=== SOURCE MATERIAL ===

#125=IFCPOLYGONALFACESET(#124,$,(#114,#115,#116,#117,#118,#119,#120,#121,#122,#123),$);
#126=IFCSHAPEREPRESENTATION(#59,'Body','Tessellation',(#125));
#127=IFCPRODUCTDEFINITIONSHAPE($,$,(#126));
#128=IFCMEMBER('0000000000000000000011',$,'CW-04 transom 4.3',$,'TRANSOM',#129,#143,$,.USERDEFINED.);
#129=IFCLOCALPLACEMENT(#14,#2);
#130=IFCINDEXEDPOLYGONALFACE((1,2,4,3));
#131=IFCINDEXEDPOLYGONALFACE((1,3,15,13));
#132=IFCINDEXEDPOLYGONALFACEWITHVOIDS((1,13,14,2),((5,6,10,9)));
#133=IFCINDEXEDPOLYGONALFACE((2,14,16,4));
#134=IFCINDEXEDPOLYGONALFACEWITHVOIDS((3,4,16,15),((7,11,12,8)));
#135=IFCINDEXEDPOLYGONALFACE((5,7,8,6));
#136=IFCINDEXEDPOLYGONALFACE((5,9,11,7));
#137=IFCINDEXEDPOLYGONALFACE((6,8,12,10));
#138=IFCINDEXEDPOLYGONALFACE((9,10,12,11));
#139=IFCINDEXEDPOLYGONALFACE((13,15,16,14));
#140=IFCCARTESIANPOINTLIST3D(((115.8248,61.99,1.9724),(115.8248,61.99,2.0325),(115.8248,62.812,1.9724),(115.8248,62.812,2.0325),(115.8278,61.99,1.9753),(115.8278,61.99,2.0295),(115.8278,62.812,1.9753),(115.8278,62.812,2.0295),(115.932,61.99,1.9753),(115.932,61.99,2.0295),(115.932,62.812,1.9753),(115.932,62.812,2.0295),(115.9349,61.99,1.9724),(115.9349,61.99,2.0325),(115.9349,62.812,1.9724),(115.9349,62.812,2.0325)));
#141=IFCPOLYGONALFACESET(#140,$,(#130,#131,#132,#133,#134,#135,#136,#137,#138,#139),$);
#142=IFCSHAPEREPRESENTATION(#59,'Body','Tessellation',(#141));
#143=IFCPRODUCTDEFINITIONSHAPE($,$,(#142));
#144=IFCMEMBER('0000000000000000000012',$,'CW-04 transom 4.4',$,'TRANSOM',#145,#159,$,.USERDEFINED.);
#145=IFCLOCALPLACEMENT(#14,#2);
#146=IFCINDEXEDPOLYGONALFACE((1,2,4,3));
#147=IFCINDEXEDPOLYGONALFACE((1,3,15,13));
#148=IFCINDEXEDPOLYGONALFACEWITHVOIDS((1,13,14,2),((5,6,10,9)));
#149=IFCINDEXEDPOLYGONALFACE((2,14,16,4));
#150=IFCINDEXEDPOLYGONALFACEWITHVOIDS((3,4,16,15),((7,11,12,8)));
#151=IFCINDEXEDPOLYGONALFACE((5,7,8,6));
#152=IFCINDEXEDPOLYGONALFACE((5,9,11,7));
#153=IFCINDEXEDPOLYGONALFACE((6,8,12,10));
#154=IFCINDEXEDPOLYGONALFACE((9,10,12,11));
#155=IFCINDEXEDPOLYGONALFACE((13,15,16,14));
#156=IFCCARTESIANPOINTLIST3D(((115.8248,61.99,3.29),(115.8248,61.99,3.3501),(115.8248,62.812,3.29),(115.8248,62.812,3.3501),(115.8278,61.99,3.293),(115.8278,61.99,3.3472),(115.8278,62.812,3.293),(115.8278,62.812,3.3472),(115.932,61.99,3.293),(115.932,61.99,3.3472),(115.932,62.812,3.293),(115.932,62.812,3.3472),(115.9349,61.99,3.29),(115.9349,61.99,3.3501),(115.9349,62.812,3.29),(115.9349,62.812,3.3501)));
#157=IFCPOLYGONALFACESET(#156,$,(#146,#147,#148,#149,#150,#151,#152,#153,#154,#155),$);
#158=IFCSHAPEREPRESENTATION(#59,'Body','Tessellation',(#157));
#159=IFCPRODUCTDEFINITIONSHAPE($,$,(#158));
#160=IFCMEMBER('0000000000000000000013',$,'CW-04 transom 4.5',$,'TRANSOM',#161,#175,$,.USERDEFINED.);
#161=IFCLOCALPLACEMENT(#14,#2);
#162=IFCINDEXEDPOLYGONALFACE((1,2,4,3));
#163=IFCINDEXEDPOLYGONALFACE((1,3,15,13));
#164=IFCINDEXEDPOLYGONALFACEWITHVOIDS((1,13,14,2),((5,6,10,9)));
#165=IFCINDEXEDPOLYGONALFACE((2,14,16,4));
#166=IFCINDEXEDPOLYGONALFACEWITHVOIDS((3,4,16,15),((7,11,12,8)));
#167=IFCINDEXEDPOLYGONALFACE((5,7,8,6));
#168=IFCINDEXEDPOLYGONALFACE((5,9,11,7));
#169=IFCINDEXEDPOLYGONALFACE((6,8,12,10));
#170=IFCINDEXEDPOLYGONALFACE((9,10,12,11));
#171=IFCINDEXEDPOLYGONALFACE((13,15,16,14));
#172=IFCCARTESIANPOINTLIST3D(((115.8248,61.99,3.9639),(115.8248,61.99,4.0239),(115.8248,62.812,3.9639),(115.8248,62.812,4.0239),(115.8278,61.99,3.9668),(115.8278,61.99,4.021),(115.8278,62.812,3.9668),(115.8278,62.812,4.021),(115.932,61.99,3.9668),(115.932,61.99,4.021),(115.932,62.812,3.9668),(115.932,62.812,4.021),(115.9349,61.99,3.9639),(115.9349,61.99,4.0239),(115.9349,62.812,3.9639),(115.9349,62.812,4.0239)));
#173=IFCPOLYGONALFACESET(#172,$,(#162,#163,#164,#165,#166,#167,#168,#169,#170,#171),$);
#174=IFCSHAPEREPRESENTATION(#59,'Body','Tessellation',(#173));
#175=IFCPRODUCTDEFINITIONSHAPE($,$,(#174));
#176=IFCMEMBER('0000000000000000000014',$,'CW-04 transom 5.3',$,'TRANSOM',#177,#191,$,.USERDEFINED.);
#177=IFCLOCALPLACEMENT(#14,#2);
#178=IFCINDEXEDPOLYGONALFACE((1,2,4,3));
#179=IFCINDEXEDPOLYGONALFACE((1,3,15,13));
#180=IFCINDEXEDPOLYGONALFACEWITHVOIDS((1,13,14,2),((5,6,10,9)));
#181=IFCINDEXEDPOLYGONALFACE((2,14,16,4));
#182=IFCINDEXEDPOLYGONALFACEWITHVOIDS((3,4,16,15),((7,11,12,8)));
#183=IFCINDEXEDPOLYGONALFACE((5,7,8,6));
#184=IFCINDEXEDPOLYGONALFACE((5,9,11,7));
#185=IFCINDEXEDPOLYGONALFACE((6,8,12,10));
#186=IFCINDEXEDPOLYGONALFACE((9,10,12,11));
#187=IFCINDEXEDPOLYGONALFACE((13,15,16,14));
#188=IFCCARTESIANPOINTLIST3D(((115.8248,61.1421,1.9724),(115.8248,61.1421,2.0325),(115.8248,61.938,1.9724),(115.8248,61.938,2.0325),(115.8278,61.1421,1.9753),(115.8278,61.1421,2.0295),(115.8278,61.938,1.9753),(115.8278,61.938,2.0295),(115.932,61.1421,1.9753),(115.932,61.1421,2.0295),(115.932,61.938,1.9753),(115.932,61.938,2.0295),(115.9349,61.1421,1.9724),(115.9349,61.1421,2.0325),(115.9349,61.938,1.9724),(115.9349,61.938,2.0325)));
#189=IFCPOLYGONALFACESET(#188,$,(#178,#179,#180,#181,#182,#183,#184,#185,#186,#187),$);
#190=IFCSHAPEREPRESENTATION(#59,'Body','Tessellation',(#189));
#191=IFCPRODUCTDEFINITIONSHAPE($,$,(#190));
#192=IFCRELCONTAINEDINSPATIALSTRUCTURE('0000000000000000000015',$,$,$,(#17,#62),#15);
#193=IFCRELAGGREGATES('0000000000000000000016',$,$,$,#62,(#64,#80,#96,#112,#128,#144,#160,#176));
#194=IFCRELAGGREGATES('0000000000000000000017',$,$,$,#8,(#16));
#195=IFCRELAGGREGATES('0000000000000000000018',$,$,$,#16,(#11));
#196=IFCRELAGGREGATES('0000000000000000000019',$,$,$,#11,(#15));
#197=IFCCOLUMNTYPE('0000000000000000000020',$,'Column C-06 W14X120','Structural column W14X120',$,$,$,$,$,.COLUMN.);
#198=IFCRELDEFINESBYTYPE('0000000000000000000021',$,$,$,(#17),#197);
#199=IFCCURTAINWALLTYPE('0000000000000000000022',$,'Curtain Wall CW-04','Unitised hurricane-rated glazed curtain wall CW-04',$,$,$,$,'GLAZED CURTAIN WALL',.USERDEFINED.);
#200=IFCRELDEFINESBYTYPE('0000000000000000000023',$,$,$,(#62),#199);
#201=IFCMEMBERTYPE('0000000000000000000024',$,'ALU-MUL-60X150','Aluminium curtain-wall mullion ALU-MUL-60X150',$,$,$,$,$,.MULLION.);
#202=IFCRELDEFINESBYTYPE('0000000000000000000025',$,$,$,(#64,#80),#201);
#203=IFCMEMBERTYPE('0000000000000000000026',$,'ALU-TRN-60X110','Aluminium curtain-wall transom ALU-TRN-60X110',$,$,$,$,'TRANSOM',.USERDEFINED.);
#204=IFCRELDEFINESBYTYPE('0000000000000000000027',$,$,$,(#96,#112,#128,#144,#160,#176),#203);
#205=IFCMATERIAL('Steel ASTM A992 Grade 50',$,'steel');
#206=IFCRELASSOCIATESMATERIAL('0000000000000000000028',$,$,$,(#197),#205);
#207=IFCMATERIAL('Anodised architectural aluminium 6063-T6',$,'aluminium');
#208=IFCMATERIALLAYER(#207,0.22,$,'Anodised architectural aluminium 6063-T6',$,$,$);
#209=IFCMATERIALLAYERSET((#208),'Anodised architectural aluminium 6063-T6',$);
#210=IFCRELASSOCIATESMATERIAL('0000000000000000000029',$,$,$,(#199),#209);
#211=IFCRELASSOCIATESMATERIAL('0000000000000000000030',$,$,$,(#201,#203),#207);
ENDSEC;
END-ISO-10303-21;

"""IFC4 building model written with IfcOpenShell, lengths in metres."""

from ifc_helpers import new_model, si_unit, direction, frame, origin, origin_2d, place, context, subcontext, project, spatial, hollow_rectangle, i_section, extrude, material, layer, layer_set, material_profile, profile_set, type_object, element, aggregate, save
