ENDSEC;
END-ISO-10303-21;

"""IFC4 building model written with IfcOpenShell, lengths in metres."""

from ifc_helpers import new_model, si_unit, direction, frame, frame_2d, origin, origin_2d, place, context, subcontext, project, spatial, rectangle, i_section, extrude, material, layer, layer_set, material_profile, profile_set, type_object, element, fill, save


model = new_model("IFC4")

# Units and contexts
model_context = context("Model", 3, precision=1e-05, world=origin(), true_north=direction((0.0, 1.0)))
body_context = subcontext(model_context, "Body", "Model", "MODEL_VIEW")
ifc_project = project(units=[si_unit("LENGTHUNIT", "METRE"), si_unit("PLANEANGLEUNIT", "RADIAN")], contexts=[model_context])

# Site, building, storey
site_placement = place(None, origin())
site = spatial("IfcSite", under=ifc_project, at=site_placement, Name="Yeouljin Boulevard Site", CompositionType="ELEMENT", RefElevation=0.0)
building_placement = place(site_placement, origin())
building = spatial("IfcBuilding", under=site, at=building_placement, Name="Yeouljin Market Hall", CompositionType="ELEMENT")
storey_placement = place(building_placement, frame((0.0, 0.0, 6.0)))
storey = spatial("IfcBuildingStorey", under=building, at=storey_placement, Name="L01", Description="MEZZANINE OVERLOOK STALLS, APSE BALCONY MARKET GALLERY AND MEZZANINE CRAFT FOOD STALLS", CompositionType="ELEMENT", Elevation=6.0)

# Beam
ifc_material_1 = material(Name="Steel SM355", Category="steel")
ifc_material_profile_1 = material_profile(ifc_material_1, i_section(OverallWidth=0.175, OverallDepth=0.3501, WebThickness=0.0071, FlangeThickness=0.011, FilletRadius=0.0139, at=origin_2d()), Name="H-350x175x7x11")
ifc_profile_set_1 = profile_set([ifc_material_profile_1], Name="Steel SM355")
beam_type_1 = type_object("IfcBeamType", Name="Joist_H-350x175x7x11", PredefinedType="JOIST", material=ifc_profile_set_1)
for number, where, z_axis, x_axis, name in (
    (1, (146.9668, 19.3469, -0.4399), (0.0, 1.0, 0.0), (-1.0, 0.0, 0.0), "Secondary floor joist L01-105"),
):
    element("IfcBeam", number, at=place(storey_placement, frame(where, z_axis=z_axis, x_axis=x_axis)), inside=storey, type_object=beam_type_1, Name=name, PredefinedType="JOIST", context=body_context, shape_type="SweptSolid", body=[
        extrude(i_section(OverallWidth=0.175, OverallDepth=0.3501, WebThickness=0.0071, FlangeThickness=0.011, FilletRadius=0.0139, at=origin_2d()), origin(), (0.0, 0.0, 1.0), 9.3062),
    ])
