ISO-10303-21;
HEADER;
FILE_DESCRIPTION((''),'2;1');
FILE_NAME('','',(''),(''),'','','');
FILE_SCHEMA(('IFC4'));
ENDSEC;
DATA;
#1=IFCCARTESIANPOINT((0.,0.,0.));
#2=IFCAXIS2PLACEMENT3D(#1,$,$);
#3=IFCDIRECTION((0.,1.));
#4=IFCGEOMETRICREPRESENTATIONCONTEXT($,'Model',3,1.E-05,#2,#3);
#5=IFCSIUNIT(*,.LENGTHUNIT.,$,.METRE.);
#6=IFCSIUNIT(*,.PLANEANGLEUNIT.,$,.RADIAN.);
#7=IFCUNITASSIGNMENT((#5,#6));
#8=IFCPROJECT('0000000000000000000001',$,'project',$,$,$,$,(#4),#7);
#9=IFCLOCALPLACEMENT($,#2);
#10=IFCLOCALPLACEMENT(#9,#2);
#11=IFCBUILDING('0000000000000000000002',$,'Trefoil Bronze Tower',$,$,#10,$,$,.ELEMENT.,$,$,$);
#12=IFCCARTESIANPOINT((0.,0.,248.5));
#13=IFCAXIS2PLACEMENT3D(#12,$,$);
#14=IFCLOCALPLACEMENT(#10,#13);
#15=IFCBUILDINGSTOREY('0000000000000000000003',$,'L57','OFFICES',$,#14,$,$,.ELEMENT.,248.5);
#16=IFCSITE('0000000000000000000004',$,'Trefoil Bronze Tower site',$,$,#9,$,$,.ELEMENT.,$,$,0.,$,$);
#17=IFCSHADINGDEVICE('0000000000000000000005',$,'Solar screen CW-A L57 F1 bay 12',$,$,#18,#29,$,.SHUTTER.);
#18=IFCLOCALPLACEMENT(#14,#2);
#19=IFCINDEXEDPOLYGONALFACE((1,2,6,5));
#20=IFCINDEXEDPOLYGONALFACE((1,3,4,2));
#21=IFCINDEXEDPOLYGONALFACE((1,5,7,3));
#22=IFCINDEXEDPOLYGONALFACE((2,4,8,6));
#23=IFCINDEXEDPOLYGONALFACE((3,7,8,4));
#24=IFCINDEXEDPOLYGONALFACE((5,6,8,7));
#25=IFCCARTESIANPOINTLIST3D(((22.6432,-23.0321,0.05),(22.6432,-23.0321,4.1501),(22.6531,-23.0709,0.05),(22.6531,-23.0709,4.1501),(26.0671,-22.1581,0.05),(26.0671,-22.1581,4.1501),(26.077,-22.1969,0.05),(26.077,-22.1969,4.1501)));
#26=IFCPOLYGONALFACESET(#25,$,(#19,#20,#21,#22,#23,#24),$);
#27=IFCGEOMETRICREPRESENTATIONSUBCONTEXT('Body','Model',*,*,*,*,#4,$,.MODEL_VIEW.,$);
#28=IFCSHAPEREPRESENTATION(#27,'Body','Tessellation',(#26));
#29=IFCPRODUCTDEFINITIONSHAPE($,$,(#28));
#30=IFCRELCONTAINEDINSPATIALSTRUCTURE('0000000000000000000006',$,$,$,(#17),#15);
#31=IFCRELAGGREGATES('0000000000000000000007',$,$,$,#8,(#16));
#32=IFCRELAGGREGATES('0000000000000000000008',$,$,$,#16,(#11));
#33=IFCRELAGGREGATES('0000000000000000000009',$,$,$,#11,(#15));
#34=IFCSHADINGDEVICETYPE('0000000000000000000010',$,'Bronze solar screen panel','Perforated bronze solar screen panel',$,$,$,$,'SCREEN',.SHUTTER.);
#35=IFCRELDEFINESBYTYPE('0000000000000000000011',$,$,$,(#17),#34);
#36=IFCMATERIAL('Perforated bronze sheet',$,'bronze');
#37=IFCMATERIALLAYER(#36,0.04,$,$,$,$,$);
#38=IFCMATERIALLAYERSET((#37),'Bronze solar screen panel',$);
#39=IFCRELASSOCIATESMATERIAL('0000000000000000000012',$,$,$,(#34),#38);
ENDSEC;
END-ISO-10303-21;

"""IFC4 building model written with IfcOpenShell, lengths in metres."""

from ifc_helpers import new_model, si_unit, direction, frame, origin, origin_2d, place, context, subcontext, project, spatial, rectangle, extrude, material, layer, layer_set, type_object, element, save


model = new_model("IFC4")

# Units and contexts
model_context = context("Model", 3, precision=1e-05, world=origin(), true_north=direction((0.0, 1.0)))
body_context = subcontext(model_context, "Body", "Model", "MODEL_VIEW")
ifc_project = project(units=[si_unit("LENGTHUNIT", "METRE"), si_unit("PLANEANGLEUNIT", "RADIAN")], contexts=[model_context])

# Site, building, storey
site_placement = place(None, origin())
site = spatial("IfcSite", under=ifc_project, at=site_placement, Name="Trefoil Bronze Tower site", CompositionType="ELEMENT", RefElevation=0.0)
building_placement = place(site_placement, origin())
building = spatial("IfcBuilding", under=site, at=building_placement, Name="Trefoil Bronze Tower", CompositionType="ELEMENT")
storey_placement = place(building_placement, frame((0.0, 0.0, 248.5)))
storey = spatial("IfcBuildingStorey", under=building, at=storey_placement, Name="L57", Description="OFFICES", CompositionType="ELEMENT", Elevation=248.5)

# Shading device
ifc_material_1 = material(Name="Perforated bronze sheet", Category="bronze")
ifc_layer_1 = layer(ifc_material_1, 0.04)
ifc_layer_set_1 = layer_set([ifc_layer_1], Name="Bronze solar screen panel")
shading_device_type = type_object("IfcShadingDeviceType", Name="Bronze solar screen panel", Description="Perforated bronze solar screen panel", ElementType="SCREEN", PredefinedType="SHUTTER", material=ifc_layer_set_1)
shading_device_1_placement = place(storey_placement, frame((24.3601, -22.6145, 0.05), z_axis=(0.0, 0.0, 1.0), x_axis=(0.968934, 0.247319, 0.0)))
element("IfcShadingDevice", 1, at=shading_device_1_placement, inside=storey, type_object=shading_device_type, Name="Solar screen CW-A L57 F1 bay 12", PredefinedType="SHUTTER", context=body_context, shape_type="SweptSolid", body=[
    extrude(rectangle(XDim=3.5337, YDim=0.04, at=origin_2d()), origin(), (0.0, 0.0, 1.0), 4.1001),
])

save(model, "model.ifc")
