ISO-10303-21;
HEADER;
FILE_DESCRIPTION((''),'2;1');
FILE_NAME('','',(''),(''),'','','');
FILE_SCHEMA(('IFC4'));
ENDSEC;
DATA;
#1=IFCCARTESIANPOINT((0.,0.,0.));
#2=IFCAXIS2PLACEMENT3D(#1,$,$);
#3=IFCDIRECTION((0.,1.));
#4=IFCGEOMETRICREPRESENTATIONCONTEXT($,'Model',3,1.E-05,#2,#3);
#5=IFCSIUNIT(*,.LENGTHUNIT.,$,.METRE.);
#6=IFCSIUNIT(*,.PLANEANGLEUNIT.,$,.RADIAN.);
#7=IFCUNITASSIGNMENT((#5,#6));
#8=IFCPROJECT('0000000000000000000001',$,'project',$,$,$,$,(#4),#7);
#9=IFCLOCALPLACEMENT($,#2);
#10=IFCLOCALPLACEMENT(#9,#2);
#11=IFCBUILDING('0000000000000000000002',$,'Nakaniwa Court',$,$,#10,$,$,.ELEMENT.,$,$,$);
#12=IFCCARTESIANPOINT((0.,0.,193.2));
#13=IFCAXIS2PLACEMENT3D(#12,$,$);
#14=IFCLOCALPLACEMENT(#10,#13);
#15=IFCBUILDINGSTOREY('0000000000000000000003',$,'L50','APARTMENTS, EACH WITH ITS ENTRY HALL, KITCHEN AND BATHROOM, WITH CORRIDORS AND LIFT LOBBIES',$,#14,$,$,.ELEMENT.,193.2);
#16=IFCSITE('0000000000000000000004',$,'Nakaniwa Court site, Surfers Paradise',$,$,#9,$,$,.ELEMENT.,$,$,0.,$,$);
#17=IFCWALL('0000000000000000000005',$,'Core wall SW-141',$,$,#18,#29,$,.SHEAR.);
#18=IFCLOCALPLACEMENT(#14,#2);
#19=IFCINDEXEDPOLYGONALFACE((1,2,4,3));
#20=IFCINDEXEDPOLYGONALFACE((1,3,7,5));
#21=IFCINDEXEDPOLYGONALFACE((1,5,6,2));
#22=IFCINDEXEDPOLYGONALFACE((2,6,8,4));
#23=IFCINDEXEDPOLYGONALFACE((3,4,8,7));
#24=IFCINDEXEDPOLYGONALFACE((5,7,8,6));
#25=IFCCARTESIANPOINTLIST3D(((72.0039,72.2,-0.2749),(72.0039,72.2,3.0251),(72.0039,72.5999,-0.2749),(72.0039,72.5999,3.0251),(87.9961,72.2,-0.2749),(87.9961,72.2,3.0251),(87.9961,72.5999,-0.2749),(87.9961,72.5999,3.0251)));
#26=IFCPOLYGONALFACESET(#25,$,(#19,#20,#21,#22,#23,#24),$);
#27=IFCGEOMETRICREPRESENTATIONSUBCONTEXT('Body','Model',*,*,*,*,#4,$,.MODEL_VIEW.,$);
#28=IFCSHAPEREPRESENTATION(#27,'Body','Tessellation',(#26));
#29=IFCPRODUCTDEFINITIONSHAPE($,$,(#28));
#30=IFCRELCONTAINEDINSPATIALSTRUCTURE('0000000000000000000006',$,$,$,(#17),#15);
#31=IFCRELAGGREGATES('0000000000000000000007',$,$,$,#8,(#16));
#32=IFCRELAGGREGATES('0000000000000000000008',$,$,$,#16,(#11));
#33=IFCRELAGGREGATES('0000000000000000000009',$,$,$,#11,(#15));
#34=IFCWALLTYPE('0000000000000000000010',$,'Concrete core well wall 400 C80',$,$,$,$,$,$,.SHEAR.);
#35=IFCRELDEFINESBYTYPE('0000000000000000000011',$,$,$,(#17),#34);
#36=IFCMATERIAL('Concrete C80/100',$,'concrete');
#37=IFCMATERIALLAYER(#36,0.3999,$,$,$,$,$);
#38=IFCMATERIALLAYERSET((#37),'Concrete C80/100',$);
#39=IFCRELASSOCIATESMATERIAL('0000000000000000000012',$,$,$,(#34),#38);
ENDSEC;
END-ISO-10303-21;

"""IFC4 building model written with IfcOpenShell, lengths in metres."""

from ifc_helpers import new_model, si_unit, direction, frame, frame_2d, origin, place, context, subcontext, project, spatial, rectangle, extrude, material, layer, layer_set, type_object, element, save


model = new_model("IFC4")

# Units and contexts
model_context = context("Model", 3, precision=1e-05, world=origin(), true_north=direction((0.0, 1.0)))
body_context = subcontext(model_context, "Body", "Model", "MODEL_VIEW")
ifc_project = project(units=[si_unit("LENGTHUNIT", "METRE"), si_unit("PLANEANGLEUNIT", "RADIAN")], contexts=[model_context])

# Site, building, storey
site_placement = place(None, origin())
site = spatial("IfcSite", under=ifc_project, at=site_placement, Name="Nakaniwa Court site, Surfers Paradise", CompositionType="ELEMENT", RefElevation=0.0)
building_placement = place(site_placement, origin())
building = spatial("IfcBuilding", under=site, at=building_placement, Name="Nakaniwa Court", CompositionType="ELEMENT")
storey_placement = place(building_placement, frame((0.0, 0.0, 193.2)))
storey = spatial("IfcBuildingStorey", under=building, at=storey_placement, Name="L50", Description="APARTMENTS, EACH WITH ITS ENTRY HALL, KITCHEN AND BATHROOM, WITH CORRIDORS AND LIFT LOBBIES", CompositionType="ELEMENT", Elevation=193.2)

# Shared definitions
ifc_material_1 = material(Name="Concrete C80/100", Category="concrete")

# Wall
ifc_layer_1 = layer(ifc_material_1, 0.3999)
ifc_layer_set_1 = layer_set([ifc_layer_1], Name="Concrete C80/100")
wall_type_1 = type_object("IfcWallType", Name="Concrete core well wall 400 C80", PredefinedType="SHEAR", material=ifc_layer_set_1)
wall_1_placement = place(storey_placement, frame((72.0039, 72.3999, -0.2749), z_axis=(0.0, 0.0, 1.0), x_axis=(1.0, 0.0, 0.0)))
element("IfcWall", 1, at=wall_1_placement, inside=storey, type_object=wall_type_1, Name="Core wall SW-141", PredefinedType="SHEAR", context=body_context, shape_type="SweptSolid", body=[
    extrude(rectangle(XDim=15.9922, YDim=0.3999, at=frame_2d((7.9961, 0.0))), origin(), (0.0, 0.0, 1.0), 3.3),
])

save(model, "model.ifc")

===

Where the string "OverallDepth" turns up in a line of the data above, copy that whole line.

ifc_material_profile_1 = material_profile(ifc_material_1, i_section(OverallWidth=0.175, OverallDepth=0.3501, WebThickness=0.0071, FlangeThickness=0.011, FilletRadius=0.0139, at=origin_2d()), Name="H-350x175x7x11")
        extrude(i_section(OverallWidth=0.175, OverallDepth=0.3501, WebThickness=0.0071, FlangeThickness=0.011, FilletRadius=0.0139, at=origin_2d()), origin(), (0.0, 0.0, 1.0), 9.3062),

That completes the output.